[Task goal] Would you show every line from the records that holds "IFCLOCALPLACEMENT"?

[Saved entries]
____________

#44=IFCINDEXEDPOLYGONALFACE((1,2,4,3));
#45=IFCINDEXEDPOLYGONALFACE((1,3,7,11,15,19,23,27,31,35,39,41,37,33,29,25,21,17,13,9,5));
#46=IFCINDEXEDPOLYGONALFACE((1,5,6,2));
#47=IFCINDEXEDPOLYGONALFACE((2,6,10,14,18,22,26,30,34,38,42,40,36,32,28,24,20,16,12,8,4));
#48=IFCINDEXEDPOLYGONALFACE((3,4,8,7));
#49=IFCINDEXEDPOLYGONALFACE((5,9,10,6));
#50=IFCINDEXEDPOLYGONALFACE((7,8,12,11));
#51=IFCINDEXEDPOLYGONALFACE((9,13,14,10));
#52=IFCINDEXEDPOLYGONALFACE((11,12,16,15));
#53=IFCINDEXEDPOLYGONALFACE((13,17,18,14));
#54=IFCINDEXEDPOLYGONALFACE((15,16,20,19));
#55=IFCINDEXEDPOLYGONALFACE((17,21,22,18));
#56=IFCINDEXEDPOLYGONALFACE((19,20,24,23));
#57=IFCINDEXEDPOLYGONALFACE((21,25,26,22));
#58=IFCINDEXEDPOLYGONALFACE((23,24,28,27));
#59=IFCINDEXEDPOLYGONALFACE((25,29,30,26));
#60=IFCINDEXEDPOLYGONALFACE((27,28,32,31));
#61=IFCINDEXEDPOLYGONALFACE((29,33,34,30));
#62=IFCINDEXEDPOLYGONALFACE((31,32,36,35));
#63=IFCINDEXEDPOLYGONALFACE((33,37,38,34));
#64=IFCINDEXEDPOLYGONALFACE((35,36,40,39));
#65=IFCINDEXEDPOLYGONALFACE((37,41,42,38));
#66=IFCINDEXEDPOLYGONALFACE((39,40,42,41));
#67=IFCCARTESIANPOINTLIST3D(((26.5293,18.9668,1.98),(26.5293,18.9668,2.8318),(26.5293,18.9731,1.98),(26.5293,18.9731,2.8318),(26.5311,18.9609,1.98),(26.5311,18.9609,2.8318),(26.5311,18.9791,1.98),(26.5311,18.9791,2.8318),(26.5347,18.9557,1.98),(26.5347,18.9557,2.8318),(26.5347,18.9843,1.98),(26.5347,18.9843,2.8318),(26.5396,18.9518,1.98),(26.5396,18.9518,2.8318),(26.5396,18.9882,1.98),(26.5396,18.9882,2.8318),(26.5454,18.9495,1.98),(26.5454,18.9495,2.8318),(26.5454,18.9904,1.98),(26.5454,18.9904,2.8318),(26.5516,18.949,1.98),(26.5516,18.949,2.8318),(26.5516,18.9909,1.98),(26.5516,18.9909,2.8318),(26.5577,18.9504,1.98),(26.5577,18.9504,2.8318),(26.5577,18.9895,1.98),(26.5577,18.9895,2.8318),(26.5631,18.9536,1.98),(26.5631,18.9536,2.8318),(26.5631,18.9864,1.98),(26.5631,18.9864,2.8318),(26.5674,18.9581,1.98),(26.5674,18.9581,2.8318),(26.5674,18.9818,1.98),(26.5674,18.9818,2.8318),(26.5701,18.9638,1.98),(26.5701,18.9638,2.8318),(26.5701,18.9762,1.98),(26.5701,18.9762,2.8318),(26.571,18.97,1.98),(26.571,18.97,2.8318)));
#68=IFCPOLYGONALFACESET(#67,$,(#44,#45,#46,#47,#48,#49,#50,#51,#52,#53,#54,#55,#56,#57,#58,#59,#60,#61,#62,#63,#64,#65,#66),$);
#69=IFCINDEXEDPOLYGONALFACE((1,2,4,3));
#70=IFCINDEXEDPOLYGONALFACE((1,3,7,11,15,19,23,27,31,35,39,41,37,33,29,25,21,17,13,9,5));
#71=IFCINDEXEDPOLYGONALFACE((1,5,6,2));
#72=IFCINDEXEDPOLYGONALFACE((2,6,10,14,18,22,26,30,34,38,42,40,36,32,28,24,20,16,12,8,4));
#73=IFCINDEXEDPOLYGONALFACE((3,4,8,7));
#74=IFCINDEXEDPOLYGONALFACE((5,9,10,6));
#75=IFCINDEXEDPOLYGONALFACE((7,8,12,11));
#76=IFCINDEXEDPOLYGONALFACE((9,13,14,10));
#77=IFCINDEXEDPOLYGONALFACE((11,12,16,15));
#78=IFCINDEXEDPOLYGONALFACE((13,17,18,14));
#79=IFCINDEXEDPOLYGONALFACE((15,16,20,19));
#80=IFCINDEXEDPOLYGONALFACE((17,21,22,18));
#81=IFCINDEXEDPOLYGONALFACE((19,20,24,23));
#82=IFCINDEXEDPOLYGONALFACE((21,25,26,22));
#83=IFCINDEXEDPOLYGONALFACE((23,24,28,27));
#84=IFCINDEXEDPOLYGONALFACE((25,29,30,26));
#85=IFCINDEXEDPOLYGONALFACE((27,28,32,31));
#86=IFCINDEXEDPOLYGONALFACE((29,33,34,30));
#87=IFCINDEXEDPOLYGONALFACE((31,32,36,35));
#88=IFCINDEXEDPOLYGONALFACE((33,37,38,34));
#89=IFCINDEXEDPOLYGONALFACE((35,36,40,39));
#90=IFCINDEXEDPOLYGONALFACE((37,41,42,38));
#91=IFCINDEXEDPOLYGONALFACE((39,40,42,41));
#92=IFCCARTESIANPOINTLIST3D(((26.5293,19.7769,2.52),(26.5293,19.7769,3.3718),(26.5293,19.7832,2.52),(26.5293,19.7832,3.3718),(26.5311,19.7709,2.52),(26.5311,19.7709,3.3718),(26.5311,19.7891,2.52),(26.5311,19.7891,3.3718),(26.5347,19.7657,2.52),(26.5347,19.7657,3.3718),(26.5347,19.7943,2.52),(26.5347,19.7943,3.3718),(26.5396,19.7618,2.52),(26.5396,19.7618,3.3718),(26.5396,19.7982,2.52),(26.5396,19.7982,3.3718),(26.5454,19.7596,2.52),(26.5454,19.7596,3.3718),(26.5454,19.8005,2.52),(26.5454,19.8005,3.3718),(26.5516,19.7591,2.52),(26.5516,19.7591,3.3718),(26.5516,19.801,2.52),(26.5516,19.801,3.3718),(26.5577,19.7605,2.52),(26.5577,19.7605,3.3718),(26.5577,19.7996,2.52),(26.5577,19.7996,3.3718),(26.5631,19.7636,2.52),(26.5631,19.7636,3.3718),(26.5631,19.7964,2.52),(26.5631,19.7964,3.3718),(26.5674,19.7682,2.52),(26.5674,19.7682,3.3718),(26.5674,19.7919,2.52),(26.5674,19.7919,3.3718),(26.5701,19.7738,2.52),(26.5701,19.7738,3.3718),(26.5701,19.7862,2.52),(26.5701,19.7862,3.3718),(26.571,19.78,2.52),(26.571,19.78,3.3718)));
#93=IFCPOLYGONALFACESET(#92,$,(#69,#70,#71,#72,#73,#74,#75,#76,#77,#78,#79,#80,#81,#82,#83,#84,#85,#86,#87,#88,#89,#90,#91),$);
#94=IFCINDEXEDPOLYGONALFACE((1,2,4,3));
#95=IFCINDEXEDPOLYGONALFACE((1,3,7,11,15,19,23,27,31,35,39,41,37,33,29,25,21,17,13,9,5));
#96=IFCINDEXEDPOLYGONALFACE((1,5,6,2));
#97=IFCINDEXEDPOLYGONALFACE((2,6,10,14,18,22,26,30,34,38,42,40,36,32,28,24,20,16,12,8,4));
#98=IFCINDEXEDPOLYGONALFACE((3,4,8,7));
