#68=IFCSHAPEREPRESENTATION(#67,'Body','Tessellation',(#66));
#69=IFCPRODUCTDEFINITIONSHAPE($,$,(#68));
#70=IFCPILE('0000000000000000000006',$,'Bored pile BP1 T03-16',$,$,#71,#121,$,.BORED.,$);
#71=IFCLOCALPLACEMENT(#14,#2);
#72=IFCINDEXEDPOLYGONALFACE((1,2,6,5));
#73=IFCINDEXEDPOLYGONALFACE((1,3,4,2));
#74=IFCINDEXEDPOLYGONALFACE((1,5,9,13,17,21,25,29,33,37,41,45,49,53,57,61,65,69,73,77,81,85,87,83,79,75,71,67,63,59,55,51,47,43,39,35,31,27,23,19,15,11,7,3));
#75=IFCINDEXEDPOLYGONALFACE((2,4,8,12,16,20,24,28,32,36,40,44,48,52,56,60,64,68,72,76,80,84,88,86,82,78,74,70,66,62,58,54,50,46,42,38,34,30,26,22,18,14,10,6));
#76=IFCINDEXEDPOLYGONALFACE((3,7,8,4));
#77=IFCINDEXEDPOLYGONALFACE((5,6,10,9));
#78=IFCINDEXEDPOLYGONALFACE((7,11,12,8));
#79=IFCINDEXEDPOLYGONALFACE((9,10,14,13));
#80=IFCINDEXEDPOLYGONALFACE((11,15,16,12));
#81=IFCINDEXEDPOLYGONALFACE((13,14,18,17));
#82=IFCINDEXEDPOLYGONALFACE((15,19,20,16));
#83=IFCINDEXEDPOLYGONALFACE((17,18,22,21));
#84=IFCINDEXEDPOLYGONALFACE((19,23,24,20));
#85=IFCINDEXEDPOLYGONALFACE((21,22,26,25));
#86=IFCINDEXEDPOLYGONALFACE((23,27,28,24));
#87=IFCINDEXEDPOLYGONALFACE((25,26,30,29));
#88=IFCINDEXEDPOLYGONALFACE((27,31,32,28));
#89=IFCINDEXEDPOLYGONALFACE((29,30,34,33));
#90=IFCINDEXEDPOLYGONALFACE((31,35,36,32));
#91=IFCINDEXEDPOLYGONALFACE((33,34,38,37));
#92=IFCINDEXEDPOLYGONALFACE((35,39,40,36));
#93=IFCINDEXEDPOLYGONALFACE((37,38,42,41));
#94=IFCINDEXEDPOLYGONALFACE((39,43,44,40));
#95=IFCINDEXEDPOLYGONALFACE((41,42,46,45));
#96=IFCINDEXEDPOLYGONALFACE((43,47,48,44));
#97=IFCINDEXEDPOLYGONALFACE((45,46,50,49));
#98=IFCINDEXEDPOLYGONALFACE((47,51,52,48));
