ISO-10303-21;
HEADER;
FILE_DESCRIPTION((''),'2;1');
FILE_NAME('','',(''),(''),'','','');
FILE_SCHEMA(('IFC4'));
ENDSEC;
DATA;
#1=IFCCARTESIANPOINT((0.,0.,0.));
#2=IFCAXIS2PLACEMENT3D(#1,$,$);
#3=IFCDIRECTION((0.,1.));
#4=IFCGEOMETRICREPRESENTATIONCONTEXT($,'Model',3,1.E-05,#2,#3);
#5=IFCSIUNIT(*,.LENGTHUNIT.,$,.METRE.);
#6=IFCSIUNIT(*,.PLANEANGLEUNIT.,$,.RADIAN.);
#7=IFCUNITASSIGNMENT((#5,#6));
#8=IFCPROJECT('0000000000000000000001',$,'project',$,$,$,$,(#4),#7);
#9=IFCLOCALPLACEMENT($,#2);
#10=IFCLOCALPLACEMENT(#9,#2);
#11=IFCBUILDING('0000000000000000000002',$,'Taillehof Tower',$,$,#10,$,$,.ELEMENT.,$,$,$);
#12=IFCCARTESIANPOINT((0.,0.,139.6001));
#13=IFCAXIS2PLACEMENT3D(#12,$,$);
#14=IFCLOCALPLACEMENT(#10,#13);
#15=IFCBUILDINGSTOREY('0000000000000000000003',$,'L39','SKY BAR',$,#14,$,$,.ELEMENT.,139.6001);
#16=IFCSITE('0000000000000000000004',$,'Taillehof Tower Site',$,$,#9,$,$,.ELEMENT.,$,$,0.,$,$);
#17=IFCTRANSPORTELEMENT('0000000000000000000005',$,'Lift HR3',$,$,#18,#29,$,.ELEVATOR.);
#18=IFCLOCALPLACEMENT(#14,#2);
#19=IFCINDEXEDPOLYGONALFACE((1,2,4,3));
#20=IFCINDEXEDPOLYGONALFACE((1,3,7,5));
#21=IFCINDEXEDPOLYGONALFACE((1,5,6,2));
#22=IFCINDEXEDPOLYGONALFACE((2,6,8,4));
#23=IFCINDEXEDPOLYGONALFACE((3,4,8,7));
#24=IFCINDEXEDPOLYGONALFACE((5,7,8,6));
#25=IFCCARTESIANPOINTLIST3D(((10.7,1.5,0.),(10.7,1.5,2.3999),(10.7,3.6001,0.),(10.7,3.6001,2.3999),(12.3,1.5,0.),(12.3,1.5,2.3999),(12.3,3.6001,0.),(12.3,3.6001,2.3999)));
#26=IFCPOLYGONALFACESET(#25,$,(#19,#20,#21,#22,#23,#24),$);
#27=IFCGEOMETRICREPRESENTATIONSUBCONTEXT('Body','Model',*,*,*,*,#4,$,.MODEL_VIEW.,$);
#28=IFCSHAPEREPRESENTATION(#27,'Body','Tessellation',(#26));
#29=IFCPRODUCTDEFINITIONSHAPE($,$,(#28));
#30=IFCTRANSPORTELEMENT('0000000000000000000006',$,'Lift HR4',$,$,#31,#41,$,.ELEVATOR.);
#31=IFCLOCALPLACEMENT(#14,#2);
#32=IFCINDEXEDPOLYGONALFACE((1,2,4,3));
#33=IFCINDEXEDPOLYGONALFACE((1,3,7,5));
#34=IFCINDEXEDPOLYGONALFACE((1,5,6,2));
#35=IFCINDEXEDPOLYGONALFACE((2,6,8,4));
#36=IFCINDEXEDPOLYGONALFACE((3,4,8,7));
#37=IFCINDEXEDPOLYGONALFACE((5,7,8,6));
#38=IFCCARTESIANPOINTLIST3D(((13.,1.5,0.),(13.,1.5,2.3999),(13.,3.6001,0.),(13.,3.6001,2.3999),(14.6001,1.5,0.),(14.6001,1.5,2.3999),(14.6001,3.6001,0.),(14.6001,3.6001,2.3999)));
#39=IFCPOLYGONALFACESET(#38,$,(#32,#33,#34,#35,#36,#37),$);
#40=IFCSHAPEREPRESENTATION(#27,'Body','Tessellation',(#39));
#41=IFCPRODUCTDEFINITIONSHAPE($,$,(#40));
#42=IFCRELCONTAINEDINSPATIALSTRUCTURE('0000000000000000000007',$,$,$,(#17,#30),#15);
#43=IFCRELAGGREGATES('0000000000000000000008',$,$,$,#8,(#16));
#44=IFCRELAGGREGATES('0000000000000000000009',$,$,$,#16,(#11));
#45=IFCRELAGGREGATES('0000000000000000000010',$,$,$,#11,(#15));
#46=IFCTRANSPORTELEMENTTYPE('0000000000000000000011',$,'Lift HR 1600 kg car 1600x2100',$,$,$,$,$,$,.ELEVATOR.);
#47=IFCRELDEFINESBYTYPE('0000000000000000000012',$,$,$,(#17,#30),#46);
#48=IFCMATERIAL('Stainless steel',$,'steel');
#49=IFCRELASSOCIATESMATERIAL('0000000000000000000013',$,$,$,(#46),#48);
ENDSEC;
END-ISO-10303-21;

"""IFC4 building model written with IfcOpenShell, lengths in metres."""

from ifc_helpers import new_model, si_unit, direction, frame, origin, origin_2d, place, context, subcontext, project, spatial, rectangle, extrude, material, type_object, element, save


model = new_model("IFC4")

# Units and contexts
model_context = context("Model", 3, precision=1e-05, world=origin(), true_north=direction((0.0, 1.0)))
body_context = subcontext(model_context, "Body", "Model", "MODEL_VIEW")
ifc_project = project(units=[si_unit("LENGTHUNIT", "METRE"), si_unit("PLANEANGLEUNIT", "RADIAN")], contexts=[model_context])

# Site, building, storey
site_placement = place(None, origin())
site = spatial("IfcSite", under=ifc_project, at=site_placement, Name="Taillehof Tower Site", CompositionType="ELEMENT", RefElevation=0.0)
building_placement = place(site_placement, origin())
building = spatial("IfcBuilding", under=site, at=building_placement, Name="Taillehof Tower", CompositionType="ELEMENT")
storey_placement = place(building_placement, frame((0.0, 0.0, 139.6001)))
storey = spatial("IfcBuildingStorey", under=building, at=storey_placement, Name="L39", Description="SKY BAR", CompositionType="ELEMENT", Elevation=139.6001)

# Transport elements
ifc_material_1 = material(Name="Stainless steel", Category="steel")
transport_element_type = type_object("IfcTransportElementType", Name="Lift HR 1600 kg car 1600x2100", PredefinedType="ELEVATOR", material=ifc_material_1)
for number, where, z_axis, x_axis, name in (
    (1, (11.5, 2.55, 0.0), (0.0, 0.0, 1.0), (1.0, 0.0, 0.0), "Lift HR3"),
    (2, (13.8, 2.55, 0.0), (0.0, 0.0, 1.0), (1.0, 0.0, 0.0), "Lift HR4"),
):
    element("IfcTransportElement", number, at=place(storey_placement, frame(where, z_axis=z_axis, x_axis=x_axis)), inside=storey, type_object=transport_element_type, Name=name, PredefinedType="ELEVATOR", context=body_context, shape_type="SweptSolid", body=[
        extrude(rectangle(XDim=1.6001, YDim=2.1001, at=origin_2d()), origin(), (0.0, 0.0, 1.0), 2.3999),
    ])

save(model, "model.ifc")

____________

[Solution to this task]
#71=IFCLOCALPLACEMENT(#14,#2);
#9=IFCLOCALPLACEMENT($,#2);
#10=IFCLOCALPLACEMENT(#9,#2);
#14=IFCLOCALPLACEMENT(#10,#13);
#18=IFCLOCALPLACEMENT(#14,#2);
#31=IFCLOCALPLACEMENT(#14,#2);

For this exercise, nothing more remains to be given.